• [YOUR INSTRUCTIONS]:
Once you find the line with "#76=IFCINDEXEDPOLYGONALFACE((3,4,8,7));" in the data that follows, repeat it and every line after it exactly, through the line with "#96=IFCRELAGGREGATES('0000000000000000000013',$,$,$,#16,(#11));".

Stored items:
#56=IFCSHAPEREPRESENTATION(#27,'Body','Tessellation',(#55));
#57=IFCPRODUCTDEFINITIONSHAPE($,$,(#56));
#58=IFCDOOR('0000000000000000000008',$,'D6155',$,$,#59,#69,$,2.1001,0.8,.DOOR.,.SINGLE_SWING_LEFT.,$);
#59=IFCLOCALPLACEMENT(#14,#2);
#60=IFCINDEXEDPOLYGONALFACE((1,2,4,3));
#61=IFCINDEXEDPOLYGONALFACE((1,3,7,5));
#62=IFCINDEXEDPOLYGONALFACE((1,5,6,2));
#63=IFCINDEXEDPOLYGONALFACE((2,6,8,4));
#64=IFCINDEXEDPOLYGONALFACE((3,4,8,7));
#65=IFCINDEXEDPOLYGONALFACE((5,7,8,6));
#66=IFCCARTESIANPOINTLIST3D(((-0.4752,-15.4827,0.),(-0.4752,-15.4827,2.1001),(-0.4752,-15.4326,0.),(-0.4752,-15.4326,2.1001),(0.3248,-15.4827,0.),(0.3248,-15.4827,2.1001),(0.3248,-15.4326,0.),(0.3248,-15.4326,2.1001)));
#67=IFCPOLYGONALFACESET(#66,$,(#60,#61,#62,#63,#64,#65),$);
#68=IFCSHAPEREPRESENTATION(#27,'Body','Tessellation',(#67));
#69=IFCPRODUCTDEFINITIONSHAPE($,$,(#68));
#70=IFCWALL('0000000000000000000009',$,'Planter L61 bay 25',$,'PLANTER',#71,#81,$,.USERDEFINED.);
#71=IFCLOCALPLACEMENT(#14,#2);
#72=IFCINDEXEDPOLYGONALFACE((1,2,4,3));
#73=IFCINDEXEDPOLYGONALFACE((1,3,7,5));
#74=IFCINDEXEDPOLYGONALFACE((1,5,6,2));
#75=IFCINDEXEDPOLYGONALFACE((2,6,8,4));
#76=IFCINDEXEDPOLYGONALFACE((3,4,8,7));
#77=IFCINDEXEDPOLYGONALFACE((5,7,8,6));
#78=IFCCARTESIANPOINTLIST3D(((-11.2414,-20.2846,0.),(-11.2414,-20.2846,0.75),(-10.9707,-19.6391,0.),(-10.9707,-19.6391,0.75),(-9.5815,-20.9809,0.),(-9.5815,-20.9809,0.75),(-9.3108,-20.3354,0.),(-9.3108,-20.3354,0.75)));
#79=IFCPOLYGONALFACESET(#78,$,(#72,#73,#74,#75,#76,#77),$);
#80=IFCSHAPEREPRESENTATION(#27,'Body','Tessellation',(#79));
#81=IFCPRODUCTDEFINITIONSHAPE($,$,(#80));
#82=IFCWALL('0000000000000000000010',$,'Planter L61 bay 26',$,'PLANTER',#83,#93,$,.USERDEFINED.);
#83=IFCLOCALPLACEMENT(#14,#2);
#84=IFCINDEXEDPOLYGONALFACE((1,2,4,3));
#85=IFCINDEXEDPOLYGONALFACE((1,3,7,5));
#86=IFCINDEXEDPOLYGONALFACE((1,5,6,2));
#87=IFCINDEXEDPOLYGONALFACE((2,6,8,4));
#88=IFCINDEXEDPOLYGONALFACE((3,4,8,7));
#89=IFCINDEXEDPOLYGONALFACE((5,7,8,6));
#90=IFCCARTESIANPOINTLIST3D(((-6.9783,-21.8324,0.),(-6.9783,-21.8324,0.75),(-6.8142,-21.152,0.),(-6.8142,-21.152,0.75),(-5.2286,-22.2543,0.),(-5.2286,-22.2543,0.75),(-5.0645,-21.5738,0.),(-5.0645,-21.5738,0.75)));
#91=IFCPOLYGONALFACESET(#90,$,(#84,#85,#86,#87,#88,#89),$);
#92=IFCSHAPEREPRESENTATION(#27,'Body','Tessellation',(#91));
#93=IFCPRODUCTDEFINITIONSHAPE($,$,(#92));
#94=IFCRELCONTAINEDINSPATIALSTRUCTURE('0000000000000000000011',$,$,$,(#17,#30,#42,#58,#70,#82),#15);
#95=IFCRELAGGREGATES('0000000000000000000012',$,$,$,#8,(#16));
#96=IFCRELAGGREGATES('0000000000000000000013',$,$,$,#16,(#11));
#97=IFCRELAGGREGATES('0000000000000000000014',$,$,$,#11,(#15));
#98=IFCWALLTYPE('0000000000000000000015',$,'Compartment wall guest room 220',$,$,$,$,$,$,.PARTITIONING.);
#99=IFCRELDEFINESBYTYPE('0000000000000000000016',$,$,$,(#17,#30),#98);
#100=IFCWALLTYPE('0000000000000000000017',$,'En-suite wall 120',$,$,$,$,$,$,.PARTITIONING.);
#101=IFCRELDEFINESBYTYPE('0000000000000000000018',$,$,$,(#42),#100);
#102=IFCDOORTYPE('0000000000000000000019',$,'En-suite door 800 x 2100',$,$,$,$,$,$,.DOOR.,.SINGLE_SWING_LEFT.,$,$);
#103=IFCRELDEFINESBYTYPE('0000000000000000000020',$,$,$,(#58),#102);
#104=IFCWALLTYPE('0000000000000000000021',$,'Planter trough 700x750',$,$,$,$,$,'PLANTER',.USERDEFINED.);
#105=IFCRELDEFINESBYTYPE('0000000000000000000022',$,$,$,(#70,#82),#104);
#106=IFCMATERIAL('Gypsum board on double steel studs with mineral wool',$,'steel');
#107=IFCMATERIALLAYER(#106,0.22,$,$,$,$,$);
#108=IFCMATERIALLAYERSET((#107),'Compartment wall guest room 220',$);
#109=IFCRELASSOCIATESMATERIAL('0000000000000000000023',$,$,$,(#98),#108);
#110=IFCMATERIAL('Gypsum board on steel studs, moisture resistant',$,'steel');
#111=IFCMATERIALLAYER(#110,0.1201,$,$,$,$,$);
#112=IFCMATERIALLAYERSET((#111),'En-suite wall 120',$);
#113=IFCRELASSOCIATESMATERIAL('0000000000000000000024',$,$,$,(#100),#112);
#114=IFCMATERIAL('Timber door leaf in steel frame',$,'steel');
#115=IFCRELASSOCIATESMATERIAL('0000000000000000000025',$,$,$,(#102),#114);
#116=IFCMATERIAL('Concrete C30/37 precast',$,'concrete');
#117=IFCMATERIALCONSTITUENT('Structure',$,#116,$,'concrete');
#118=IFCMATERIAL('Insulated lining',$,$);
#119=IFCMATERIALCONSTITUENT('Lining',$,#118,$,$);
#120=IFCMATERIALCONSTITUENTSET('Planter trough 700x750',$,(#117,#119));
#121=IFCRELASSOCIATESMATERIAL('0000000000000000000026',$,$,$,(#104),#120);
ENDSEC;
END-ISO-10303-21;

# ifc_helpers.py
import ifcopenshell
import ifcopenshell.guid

• [TASK ANSWER]:
#76=IFCINDEXEDPOLYGONALFACE((3,4,8,7));
#77=IFCINDEXEDPOLYGONALFACE((5,7,8,6));
#78=IFCCARTESIANPOINTLIST3D(((-11.2414,-20.2846,0.),(-11.2414,-20.2846,0.75),(-10.9707,-19.6391,0.),(-10.9707,-19.6391,0.75),(-9.5815,-20.9809,0.),(-9.5815,-20.9809,0.75),(-9.3108,-20.3354,0.),(-9.3108,-20.3354,0.75)));
#79=IFCPOLYGONALFACESET(#78,$,(#72,#73,#74,#75,#76,#77),$);
#80=IFCSHAPEREPRESENTATION(#27,'Body','Tessellation',(#79));
#81=IFCPRODUCTDEFINITIONSHAPE($,$,(#80));
#82=IFCWALL('0000000000000000000010',$,'Planter L61 bay 26',$,'PLANTER',#83,#93,$,.USERDEFINED.);
#83=IFCLOCALPLACEMENT(#14,#2);
#84=IFCINDEXEDPOLYGONALFACE((1,2,4,3));
#85=IFCINDEXEDPOLYGONALFACE((1,3,7,5));
#86=IFCINDEXEDPOLYGONALFACE((1,5,6,2));
#87=IFCINDEXEDPOLYGONALFACE((2,6,8,4));
#88=IFCINDEXEDPOLYGONALFACE((3,4,8,7));
#89=IFCINDEXEDPOLYGONALFACE((5,7,8,6));
#90=IFCCARTESIANPOINTLIST3D(((-6.9783,-21.8324,0.),(-6.9783,-21.8324,0.75),(-6.8142,-21.152,0.),(-6.8142,-21.152,0.75),(-5.2286,-22.2543,0.),(-5.2286,-22.2543,0.75),(-5.0645,-21.5738,0.),(-5.0645,-21.5738,0.75)));
#91=IFCPOLYGONALFACESET(#90,$,(#84,#85,#86,#87,#88,#89),$);
#92=IFCSHAPEREPRESENTATION(#27,'Body','Tessellation',(#91));
#93=IFCPRODUCTDEFINITIONSHAPE($,$,(#92));
#94=IFCRELCONTAINEDINSPATIALSTRUCTURE('0000000000000000000011',$,$,$,(#17,#30,#42,#58,#70,#82),#15);
#95=IFCRELAGGREGATES('0000000000000000000012',$,$,$,#8,(#16));
#96=IFCRELAGGREGATES('0000000000000000000013',$,$,$,#16,(#11));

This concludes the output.